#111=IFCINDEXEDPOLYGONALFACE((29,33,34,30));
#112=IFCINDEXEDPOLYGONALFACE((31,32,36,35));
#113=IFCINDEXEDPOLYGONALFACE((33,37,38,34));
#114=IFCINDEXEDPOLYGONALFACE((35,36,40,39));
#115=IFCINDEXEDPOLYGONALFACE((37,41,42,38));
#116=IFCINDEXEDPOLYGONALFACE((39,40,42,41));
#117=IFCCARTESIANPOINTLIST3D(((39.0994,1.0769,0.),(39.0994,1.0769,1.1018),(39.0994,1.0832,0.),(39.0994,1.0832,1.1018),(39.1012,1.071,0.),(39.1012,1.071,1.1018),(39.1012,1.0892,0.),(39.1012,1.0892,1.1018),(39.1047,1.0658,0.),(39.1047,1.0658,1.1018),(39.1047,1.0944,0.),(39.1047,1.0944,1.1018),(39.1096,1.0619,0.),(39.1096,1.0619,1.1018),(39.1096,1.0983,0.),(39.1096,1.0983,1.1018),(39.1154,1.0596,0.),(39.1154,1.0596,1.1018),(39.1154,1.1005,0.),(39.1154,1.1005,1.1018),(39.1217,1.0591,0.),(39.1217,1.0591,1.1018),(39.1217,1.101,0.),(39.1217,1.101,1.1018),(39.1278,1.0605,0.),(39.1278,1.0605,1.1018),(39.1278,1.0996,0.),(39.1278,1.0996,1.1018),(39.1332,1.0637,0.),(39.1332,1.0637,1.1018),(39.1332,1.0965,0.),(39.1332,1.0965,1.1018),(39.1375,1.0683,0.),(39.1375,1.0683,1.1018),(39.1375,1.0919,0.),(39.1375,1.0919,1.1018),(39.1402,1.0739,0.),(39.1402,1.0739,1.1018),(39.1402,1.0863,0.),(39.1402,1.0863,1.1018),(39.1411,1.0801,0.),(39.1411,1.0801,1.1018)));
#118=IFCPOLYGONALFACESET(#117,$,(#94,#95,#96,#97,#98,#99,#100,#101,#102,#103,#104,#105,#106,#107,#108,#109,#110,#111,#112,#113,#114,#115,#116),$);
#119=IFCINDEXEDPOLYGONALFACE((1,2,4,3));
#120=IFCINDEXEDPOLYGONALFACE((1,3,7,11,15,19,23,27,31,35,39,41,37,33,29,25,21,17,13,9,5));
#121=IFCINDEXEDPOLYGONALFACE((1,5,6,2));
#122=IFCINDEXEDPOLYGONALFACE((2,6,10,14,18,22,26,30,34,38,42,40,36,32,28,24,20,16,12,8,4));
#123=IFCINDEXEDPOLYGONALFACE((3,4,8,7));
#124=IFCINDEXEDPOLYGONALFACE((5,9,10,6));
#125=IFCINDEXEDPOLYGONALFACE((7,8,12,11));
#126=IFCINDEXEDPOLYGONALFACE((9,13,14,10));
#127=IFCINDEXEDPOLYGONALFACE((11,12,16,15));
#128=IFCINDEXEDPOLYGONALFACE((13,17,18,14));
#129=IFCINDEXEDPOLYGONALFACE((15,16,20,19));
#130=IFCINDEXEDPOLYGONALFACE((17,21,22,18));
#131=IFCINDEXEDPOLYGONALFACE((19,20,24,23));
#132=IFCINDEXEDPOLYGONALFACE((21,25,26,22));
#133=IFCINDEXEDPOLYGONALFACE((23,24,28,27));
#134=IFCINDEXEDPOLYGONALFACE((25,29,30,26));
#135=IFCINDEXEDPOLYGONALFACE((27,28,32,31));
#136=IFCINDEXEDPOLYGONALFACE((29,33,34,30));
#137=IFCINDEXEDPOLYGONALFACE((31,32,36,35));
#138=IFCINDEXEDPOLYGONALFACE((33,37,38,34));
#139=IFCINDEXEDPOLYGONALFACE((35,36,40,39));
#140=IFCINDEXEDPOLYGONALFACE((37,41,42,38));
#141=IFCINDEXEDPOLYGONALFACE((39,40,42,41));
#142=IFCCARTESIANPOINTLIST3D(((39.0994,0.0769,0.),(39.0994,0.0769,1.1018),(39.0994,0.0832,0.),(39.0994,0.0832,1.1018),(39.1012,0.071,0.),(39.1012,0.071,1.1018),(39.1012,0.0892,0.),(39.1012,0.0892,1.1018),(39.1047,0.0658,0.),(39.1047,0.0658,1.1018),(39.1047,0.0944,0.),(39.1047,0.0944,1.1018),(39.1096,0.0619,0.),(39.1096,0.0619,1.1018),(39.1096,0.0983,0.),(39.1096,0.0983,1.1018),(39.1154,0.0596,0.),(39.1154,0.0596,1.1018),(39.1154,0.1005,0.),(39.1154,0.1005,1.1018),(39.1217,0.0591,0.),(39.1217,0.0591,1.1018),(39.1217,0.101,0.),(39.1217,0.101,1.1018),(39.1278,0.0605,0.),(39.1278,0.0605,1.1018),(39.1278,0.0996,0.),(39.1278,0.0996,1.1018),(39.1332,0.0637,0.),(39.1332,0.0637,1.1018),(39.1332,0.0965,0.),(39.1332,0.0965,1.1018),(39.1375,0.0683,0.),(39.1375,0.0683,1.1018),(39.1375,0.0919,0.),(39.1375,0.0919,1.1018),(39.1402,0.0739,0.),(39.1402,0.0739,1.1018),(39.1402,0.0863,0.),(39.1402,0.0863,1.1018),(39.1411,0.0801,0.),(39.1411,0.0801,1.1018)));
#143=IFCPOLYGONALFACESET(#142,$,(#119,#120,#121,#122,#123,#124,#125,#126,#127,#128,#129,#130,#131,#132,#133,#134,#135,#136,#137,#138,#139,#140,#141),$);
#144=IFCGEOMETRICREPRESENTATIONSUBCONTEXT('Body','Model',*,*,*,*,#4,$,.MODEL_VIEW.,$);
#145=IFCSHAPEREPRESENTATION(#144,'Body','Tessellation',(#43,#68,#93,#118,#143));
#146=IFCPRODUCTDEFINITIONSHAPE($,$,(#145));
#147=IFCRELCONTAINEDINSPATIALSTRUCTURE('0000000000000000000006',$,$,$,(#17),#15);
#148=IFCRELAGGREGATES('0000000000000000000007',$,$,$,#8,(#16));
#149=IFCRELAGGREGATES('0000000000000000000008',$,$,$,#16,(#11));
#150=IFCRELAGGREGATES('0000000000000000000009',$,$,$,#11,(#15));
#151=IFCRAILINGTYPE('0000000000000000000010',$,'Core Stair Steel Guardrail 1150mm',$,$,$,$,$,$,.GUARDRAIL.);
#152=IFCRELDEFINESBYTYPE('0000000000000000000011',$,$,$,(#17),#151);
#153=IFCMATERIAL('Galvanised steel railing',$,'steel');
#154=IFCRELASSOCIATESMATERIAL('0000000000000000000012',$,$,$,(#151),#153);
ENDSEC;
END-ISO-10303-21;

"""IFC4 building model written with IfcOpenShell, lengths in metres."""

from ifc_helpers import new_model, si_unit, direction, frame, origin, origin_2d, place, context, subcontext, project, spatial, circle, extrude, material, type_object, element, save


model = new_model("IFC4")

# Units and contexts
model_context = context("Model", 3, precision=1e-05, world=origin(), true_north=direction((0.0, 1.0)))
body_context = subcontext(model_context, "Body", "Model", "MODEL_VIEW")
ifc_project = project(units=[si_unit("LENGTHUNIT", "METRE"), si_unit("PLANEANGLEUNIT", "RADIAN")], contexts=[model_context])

* * *

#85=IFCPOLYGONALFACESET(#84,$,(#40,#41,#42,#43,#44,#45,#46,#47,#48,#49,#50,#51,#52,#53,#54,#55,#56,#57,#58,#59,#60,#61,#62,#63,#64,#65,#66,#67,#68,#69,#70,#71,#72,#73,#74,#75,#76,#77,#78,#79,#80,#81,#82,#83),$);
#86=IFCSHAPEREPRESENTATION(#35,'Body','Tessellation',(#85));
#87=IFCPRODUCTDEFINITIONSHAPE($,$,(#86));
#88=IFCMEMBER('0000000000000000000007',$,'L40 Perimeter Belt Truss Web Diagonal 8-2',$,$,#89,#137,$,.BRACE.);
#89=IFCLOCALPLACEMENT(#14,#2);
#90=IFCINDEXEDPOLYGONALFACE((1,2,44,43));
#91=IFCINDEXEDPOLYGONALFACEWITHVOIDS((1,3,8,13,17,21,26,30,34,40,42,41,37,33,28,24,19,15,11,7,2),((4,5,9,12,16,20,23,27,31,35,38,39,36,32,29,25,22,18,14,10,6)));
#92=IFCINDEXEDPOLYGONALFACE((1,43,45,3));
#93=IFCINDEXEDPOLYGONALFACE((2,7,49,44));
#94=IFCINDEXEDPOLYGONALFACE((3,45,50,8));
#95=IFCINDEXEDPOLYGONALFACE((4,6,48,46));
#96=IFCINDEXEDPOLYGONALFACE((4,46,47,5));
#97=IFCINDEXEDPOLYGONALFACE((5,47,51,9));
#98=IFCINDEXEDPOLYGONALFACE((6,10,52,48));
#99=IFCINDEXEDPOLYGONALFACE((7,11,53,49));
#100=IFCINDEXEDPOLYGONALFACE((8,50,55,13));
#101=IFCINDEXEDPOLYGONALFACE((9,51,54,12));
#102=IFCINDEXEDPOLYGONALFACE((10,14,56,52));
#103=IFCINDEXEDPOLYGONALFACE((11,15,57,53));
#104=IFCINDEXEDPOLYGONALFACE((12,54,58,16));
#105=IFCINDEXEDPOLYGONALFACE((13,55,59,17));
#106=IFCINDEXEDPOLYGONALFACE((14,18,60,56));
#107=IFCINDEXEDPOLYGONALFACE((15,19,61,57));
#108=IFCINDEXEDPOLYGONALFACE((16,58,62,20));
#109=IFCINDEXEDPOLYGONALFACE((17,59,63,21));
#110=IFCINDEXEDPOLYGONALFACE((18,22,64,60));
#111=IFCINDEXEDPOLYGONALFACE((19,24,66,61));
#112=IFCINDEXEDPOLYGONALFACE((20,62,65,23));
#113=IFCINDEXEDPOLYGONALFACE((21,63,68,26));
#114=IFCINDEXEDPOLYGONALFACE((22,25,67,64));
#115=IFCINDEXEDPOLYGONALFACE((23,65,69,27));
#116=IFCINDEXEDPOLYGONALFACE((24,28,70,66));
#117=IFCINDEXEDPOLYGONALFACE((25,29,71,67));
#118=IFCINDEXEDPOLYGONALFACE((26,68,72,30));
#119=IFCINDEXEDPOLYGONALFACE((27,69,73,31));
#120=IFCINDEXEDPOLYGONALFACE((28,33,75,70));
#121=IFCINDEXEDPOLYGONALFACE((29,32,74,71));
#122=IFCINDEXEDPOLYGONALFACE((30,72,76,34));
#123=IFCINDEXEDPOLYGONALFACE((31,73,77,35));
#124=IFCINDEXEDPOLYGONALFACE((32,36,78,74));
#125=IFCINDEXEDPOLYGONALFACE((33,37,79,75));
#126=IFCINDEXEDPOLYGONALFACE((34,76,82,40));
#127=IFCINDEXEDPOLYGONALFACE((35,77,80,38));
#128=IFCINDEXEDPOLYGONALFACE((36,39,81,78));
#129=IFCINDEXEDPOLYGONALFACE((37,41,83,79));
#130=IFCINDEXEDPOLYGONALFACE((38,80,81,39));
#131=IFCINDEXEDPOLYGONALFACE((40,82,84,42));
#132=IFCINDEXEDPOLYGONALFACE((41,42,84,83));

* **What you need to do**: Filter the listing for the word "contexts" and copy every line that holds it.

* **Task response**:
# Units and contexts
ifc_project = project(units=[si_unit("LENGTHUNIT", "METRE"), si_unit("PLANEANGLEUNIT", "RADIAN")], contexts=[model_context])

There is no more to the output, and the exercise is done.